MATERIAL FOR THIS EXERCISE.
::::

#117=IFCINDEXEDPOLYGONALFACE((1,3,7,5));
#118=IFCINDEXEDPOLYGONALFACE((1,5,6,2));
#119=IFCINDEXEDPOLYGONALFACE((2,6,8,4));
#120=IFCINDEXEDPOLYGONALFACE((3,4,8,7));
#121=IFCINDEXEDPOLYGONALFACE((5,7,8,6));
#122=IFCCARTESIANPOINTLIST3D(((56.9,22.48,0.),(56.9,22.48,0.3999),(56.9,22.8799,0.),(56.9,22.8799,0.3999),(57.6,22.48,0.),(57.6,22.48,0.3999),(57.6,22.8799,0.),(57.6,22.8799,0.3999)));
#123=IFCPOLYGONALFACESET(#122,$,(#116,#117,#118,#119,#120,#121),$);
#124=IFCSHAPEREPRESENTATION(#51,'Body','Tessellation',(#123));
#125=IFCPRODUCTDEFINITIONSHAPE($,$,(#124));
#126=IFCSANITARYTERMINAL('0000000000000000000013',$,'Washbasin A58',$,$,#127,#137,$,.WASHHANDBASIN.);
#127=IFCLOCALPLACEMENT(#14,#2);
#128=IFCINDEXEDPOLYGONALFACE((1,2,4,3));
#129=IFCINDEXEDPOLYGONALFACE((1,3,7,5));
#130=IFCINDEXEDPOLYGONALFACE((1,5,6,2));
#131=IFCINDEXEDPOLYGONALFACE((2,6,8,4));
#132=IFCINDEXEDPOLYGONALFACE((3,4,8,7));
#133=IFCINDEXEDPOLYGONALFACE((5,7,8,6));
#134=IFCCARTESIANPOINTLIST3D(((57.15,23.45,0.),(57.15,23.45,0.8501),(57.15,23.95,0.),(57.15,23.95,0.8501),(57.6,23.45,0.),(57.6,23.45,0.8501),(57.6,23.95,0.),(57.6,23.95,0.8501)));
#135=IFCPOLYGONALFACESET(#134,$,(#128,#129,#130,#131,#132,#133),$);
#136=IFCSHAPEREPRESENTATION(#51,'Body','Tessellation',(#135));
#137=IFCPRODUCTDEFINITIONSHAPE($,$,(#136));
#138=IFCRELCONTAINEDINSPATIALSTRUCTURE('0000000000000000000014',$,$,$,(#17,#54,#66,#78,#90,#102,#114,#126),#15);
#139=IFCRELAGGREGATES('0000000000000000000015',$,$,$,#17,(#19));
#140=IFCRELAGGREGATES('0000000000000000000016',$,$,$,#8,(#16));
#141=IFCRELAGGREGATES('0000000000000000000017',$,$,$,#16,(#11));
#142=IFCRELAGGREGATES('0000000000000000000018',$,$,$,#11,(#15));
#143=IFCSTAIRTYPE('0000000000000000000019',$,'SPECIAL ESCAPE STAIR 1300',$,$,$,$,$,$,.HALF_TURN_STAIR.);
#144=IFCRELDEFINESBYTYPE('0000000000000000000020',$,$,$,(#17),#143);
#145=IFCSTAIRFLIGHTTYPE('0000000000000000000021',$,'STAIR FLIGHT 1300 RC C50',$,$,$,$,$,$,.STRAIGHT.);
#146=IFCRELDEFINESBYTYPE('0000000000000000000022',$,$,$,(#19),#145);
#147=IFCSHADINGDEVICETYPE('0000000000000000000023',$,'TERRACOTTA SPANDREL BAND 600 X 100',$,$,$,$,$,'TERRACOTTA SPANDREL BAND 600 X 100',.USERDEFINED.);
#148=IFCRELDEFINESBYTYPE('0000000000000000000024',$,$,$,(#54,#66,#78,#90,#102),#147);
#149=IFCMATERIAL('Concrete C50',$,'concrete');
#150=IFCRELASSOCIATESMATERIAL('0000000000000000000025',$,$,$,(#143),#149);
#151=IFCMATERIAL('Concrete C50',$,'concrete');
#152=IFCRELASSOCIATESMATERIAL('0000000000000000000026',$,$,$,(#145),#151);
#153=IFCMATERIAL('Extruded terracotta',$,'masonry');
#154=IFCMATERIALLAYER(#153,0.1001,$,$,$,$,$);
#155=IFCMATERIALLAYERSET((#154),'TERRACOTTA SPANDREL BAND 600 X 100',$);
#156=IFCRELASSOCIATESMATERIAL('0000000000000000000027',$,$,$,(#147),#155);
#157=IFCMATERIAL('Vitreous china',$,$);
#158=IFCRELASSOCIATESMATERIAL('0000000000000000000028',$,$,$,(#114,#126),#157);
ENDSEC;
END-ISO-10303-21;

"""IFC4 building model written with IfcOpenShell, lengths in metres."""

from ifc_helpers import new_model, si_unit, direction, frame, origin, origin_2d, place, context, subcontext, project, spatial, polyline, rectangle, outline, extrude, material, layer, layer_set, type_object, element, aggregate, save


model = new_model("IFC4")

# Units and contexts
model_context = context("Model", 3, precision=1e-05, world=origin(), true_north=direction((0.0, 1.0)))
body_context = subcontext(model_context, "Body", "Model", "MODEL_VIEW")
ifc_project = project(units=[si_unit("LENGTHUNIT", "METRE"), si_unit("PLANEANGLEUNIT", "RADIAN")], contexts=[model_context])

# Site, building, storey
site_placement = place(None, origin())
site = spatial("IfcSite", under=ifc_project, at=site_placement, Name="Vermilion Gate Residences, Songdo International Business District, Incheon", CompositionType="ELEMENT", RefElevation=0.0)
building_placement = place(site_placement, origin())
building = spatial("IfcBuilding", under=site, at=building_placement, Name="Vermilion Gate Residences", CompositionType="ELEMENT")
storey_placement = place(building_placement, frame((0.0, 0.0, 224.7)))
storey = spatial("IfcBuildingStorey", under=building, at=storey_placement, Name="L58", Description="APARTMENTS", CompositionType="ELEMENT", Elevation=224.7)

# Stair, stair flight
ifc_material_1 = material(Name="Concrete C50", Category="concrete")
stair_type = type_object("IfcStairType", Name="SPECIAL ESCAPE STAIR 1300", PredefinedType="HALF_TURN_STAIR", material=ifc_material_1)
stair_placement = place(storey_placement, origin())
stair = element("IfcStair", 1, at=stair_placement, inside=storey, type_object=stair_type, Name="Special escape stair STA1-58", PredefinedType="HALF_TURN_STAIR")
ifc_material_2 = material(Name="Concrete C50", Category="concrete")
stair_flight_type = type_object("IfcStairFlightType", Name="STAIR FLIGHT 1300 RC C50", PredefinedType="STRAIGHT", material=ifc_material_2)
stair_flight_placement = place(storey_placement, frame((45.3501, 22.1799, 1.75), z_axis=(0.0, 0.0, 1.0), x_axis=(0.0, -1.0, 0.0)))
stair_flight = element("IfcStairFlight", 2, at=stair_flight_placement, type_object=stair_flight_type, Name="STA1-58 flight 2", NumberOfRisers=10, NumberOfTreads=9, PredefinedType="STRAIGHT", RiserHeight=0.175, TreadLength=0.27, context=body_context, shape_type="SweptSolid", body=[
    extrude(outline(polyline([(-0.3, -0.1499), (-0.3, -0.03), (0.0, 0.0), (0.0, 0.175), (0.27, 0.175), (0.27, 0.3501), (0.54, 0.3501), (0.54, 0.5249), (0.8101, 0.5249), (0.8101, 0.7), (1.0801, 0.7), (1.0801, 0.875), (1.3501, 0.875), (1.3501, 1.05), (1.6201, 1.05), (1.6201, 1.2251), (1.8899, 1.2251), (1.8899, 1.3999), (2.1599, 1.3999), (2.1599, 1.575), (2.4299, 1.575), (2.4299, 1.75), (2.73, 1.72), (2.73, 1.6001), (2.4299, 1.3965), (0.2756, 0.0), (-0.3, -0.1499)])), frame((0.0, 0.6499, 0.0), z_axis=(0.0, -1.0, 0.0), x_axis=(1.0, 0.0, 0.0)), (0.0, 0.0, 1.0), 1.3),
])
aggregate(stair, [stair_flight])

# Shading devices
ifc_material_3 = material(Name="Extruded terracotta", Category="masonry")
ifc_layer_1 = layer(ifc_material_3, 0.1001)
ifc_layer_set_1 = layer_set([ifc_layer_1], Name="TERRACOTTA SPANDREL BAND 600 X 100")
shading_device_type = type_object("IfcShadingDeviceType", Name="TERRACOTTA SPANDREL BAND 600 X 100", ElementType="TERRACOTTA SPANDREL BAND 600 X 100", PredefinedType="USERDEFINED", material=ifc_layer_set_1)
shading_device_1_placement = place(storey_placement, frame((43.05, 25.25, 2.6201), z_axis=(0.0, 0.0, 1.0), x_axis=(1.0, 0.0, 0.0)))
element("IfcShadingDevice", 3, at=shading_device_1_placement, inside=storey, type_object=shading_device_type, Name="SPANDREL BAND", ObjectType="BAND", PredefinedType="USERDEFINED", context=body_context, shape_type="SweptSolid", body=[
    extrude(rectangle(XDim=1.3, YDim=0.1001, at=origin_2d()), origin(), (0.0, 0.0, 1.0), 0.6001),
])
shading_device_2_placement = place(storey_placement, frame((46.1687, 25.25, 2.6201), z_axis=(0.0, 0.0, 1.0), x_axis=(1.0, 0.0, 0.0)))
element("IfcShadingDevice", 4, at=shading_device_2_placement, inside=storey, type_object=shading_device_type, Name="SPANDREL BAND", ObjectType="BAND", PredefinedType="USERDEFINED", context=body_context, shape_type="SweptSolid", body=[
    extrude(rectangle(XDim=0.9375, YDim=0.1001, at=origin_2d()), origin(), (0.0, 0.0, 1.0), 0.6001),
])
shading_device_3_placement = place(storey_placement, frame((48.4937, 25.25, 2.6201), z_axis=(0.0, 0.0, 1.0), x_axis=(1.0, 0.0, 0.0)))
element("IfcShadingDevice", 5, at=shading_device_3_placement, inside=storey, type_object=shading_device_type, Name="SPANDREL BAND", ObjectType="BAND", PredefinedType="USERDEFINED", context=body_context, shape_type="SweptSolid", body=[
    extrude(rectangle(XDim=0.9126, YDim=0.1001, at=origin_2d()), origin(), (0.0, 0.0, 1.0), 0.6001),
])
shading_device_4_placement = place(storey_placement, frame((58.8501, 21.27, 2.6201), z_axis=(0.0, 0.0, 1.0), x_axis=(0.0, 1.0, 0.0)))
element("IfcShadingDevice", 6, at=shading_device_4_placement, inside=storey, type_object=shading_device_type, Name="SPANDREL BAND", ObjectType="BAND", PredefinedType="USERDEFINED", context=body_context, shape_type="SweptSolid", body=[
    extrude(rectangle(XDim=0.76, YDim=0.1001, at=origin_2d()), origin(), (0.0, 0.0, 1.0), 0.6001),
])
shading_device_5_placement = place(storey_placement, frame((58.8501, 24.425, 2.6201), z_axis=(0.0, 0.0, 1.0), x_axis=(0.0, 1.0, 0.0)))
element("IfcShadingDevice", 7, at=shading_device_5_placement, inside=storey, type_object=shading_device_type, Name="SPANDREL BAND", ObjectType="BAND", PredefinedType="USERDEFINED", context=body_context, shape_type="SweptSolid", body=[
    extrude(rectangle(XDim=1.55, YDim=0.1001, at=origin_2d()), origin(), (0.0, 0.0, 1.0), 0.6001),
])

::::

INSTRUCTIONS TO FOLLOW. Set down, from the entries above, exactly the lines from the one with "#141=IFCRELAGGREGATES('0000000000000000000017',$,$,$,#16,(#11));" up to and including the one with "ESCAPE STAIR 1300',$,$,$,$,$,$,.HALF_TURN_STAIR.);", and no other lines.

REPLY.
#141=IFCRELAGGREGATES('0000000000000000000017',$,$,$,#16,(#11));
#142=IFCRELAGGREGATES('0000000000000000000018',$,$,$,#11,(#15));
#143=IFCSTAIRTYPE('0000000000000000000019',$,'SPECIAL ESCAPE STAIR 1300',$,$,$,$,$,$,.HALF_TURN_STAIR.);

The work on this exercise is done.